■ **INSTRUCTIONS FOR THE TASK**
What follows is a listing. Write it all out exactly.

═════ PROVIDED MATERIAL

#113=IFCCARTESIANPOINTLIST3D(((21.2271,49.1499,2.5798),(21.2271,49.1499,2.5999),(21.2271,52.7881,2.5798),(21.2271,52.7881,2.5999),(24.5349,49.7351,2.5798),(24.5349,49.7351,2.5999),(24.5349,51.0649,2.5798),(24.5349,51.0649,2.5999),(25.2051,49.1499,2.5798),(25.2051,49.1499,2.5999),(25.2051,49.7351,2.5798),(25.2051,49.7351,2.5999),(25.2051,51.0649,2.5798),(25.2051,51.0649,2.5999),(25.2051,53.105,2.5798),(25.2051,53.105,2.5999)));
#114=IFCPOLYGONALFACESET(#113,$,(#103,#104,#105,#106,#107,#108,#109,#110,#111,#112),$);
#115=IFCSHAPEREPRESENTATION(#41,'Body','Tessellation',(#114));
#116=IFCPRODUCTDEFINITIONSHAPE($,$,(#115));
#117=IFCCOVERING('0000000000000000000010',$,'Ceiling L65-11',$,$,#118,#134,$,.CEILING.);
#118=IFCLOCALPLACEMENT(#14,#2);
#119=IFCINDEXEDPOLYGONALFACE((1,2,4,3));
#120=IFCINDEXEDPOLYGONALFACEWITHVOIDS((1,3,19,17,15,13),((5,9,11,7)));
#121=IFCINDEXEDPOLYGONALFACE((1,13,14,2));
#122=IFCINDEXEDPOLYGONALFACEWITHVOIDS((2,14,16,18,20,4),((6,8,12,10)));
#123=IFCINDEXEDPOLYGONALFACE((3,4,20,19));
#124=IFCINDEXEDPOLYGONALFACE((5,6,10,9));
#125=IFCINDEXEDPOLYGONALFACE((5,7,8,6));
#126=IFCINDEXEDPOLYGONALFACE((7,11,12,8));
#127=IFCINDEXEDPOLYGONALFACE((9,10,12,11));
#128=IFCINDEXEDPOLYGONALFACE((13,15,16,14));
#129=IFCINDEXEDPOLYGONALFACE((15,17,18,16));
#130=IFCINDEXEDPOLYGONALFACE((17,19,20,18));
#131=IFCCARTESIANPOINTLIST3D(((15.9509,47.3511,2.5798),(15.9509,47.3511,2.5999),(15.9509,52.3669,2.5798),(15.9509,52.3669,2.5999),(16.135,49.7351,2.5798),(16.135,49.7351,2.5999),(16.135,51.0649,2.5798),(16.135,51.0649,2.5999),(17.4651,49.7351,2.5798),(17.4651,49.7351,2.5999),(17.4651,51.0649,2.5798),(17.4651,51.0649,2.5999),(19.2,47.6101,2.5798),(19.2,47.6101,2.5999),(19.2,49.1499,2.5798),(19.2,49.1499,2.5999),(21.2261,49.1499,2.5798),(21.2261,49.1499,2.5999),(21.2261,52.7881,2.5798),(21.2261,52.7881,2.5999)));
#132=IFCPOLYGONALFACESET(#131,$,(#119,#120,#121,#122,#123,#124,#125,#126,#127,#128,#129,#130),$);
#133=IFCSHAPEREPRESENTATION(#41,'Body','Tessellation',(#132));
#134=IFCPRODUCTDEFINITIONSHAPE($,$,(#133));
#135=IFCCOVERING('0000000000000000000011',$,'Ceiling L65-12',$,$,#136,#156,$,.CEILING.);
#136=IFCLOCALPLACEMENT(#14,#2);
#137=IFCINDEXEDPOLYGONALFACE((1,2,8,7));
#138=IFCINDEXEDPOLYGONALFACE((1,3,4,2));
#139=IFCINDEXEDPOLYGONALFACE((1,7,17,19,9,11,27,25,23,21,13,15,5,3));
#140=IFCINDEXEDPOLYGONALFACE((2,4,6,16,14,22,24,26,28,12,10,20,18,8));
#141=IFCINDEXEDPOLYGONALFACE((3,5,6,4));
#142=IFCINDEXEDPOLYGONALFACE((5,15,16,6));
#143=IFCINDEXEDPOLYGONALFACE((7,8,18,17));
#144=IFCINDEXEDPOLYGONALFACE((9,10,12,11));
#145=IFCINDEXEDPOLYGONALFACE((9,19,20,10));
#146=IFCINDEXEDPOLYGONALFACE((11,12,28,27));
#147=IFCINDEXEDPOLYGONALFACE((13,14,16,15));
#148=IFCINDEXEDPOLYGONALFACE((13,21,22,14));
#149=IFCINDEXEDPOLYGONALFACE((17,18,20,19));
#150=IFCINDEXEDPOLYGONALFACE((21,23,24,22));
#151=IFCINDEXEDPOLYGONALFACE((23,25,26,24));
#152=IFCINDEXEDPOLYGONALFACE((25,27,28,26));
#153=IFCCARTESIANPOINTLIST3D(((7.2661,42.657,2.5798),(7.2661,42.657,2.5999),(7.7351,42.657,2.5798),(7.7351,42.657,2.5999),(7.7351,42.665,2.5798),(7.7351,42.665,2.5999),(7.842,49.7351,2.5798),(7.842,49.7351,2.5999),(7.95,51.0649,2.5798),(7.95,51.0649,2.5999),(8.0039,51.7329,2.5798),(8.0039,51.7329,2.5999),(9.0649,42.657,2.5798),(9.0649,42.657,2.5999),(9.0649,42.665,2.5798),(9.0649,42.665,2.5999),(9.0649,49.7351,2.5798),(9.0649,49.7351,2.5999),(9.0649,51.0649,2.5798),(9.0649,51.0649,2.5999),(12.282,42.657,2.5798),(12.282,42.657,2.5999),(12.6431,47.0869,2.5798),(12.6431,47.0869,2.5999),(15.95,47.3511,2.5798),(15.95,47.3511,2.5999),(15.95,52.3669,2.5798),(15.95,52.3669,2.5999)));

══════════

■ **RESPONSE AREA**
#113=IFCCARTESIANPOINTLIST3D(((21.2271,49.1499,2.5798),(21.2271,49.1499,2.5999),(21.2271,52.7881,2.5798),(21.2271,52.7881,2.5999),(24.5349,49.7351,2.5798),(24.5349,49.7351,2.5999),(24.5349,51.0649,2.5798),(24.5349,51.0649,2.5999),(25.2051,49.1499,2.5798),(25.2051,49.1499,2.5999),(25.2051,49.7351,2.5798),(25.2051,49.7351,2.5999),(25.2051,51.0649,2.5798),(25.2051,51.0649,2.5999),(25.2051,53.105,2.5798),(25.2051,53.105,2.5999)));
#114=IFCPOLYGONALFACESET(#113,$,(#103,#104,#105,#106,#107,#108,#109,#110,#111,#112),$);
#115=IFCSHAPEREPRESENTATION(#41,'Body','Tessellation',(#114));
#116=IFCPRODUCTDEFINITIONSHAPE($,$,(#115));
#117=IFCCOVERING('0000000000000000000010',$,'Ceiling L65-11',$,$,#118,#134,$,.CEILING.);
#118=IFCLOCALPLACEMENT(#14,#2);
#119=IFCINDEXEDPOLYGONALFACE((1,2,4,3));
#120=IFCINDEXEDPOLYGONALFACEWITHVOIDS((1,3,19,17,15,13),((5,9,11,7)));
#121=IFCINDEXEDPOLYGONALFACE((1,13,14,2));
#122=IFCINDEXEDPOLYGONALFACEWITHVOIDS((2,14,16,18,20,4),((6,8,12,10)));
#123=IFCINDEXEDPOLYGONALFACE((3,4,20,19));
#124=IFCINDEXEDPOLYGONALFACE((5,6,10,9));
#125=IFCINDEXEDPOLYGONALFACE((5,7,8,6));
#126=IFCINDEXEDPOLYGONALFACE((7,11,12,8));
#127=IFCINDEXEDPOLYGONALFACE((9,10,12,11));
#128=IFCINDEXEDPOLYGONALFACE((13,15,16,14));
#129=IFCINDEXEDPOLYGONALFACE((15,17,18,16));
#130=IFCINDEXEDPOLYGONALFACE((17,19,20,18));
#131=IFCCARTESIANPOINTLIST3D(((15.9509,47.3511,2.5798),(15.9509,47.3511,2.5999),(15.9509,52.3669,2.5798),(15.9509,52.3669,2.5999),(16.135,49.7351,2.5798),(16.135,49.7351,2.5999),(16.135,51.0649,2.5798),(16.135,51.0649,2.5999),(17.4651,49.7351,2.5798),(17.4651,49.7351,2.5999),(17.4651,51.0649,2.5798),(17.4651,51.0649,2.5999),(19.2,47.6101,2.5798),(19.2,47.6101,2.5999),(19.2,49.1499,2.5798),(19.2,49.1499,2.5999),(21.2261,49.1499,2.5798),(21.2261,49.1499,2.5999),(21.2261,52.7881,2.5798),(21.2261,52.7881,2.5999)));
#132=IFCPOLYGONALFACESET(#131,$,(#119,#120,#121,#122,#123,#124,#125,#126,#127,#128,#129,#130),$);
#133=IFCSHAPEREPRESENTATION(#41,'Body','Tessellation',(#132));
#134=IFCPRODUCTDEFINITIONSHAPE($,$,(#133));
#135=IFCCOVERING('0000000000000000000011',$,'Ceiling L65-12',$,$,#136,#156,$,.CEILING.);
#136=IFCLOCALPLACEMENT(#14,#2);
#137=IFCINDEXEDPOLYGONALFACE((1,2,8,7));
#138=IFCINDEXEDPOLYGONALFACE((1,3,4,2));
#139=IFCINDEXEDPOLYGONALFACE((1,7,17,19,9,11,27,25,23,21,13,15,5,3));
#140=IFCINDEXEDPOLYGONALFACE((2,4,6,16,14,22,24,26,28,12,10,20,18,8));
#141=IFCINDEXEDPOLYGONALFACE((3,5,6,4));
#142=IFCINDEXEDPOLYGONALFACE((5,15,16,6));
#143=IFCINDEXEDPOLYGONALFACE((7,8,18,17));
#144=IFCINDEXEDPOLYGONALFACE((9,10,12,11));
#145=IFCINDEXEDPOLYGONALFACE((9,19,20,10));
#146=IFCINDEXEDPOLYGONALFACE((11,12,28,27));
#147=IFCINDEXEDPOLYGONALFACE((13,14,16,15));
#148=IFCINDEXEDPOLYGONALFACE((13,21,22,14));
#149=IFCINDEXEDPOLYGONALFACE((17,18,20,19));
#150=IFCINDEXEDPOLYGONALFACE((21,23,24,22));
#151=IFCINDEXEDPOLYGONALFACE((23,25,26,24));
#152=IFCINDEXEDPOLYGONALFACE((25,27,28,26));
#153=IFCCARTESIANPOINTLIST3D(((7.2661,42.657,2.5798),(7.2661,42.657,2.5999),(7.7351,42.657,2.5798),(7.7351,42.657,2.5999),(7.7351,42.665,2.5798),(7.7351,42.665,2.5999),(7.842,49.7351,2.5798),(7.842,49.7351,2.5999),(7.95,51.0649,2.5798),(7.95,51.0649,2.5999),(8.0039,51.7329,2.5798),(8.0039,51.7329,2.5999),(9.0649,42.657,2.5798),(9.0649,42.657,2.5999),(9.0649,42.665,2.5798),(9.0649,42.665,2.5999),(9.0649,49.7351,2.5798),(9.0649,49.7351,2.5999),(9.0649,51.0649,2.5798),(9.0649,51.0649,2.5999),(12.282,42.657,2.5798),(12.282,42.657,2.5999),(12.6431,47.0869,2.5798),(12.6431,47.0869,2.5999),(15.95,47.3511,2.5798),(15.95,47.3511,2.5999),(15.95,52.3669,2.5798),(15.95,52.3669,2.5999)));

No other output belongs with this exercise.